[Saved entries]
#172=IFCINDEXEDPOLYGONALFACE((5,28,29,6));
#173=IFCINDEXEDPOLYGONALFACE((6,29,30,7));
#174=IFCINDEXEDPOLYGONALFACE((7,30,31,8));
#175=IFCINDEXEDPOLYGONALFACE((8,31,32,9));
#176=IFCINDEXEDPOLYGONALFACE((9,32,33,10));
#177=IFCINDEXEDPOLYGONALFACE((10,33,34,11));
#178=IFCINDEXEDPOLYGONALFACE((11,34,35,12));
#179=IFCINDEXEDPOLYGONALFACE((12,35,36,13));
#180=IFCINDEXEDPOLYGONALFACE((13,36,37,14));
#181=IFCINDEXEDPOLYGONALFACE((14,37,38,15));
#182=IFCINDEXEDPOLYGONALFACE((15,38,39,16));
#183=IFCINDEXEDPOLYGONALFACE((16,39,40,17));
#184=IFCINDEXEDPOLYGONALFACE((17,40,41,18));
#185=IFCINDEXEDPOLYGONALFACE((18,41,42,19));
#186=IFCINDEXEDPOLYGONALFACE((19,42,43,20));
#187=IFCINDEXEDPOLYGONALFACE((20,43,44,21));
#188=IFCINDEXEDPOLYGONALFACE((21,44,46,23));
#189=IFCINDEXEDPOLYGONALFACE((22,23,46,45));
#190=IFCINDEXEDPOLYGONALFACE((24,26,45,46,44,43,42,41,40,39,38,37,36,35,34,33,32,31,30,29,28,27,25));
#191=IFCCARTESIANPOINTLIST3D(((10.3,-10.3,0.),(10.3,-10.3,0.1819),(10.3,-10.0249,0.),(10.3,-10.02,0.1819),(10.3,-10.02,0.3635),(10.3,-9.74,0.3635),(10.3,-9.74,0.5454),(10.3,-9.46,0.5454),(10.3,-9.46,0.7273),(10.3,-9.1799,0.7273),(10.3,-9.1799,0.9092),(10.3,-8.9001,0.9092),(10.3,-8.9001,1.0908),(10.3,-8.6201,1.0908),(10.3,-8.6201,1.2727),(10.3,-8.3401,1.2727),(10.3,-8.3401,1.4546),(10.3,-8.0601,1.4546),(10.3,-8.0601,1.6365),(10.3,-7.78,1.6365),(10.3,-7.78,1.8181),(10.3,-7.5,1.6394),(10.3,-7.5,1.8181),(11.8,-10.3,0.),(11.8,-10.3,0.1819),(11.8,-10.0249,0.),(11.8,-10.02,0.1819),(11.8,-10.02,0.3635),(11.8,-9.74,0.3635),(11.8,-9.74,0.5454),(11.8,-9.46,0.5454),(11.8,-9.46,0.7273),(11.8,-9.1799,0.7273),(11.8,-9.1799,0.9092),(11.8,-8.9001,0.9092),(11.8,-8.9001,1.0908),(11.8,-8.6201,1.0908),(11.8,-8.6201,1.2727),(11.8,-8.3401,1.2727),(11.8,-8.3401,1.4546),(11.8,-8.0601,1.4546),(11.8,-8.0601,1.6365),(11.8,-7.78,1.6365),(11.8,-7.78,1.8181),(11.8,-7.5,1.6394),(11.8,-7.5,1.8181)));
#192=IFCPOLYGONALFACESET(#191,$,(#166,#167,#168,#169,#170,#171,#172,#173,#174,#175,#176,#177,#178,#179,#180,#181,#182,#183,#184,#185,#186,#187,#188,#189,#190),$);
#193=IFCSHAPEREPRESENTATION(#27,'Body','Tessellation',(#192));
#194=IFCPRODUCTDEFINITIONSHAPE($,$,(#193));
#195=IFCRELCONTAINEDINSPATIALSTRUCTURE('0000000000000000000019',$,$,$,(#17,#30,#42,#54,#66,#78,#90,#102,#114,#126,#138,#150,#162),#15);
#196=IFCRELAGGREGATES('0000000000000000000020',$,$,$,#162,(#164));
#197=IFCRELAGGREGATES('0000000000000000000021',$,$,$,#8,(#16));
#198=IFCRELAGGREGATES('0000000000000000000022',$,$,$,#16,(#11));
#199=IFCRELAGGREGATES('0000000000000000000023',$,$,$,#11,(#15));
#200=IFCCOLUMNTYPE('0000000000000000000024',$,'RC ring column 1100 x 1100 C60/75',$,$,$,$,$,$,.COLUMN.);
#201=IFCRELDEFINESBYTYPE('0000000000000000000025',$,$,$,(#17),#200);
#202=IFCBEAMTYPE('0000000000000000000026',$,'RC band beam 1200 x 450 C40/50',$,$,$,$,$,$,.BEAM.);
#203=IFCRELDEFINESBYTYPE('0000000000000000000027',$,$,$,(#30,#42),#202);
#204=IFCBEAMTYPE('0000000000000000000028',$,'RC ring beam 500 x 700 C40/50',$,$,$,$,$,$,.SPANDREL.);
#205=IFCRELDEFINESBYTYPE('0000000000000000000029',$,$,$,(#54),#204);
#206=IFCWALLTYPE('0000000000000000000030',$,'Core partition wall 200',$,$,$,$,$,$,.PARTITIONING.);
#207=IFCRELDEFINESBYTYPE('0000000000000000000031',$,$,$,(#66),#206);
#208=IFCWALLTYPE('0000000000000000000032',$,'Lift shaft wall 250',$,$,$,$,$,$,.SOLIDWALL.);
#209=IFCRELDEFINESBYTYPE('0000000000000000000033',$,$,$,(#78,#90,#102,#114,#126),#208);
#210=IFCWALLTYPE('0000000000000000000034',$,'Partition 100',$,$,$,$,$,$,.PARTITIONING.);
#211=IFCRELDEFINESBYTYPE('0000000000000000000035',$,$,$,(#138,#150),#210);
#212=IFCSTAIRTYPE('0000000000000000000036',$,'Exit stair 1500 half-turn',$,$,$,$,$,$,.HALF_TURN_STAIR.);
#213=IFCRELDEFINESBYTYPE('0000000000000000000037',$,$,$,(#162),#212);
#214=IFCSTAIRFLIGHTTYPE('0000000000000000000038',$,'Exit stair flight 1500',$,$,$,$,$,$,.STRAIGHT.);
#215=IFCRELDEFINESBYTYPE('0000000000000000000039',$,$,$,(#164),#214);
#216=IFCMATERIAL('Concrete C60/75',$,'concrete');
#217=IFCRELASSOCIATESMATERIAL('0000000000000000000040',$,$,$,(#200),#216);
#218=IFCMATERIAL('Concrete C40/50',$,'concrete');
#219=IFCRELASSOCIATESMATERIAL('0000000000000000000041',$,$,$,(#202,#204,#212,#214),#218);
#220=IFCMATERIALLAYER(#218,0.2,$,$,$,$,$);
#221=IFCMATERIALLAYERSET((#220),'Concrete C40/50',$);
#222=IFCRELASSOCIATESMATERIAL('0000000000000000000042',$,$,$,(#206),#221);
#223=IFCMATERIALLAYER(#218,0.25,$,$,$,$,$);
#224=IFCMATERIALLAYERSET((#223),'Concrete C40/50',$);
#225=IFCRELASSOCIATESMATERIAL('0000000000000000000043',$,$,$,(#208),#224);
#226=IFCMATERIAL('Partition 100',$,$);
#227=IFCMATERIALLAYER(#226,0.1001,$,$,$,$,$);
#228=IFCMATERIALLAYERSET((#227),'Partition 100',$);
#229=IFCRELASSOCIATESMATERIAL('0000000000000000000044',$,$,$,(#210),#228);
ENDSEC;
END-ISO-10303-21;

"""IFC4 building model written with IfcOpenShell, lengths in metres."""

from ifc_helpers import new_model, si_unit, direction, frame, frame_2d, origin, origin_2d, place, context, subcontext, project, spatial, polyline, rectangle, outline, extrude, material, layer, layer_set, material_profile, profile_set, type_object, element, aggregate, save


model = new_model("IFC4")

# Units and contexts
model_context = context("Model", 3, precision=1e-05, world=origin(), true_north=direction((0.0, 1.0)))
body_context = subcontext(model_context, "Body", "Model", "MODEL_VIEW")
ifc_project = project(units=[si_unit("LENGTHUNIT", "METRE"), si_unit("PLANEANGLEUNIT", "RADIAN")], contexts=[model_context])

What the task asks>
With the line containing "#182=IFCINDEXEDPOLYGONALFACE((15,38,39,16));" as the last one, please set down exactly the lines of the records above from their very first line, and nothing more.

Task output>
#172=IFCINDEXEDPOLYGONALFACE((5,28,29,6));
#173=IFCINDEXEDPOLYGONALFACE((6,29,30,7));
#174=IFCINDEXEDPOLYGONALFACE((7,30,31,8));
#175=IFCINDEXEDPOLYGONALFACE((8,31,32,9));
#176=IFCINDEXEDPOLYGONALFACE((9,32,33,10));
#177=IFCINDEXEDPOLYGONALFACE((10,33,34,11));
#178=IFCINDEXEDPOLYGONALFACE((11,34,35,12));
#179=IFCINDEXEDPOLYGONALFACE((12,35,36,13));
#180=IFCINDEXEDPOLYGONALFACE((13,36,37,14));
#181=IFCINDEXEDPOLYGONALFACE((14,37,38,15));
#182=IFCINDEXEDPOLYGONALFACE((15,38,39,16));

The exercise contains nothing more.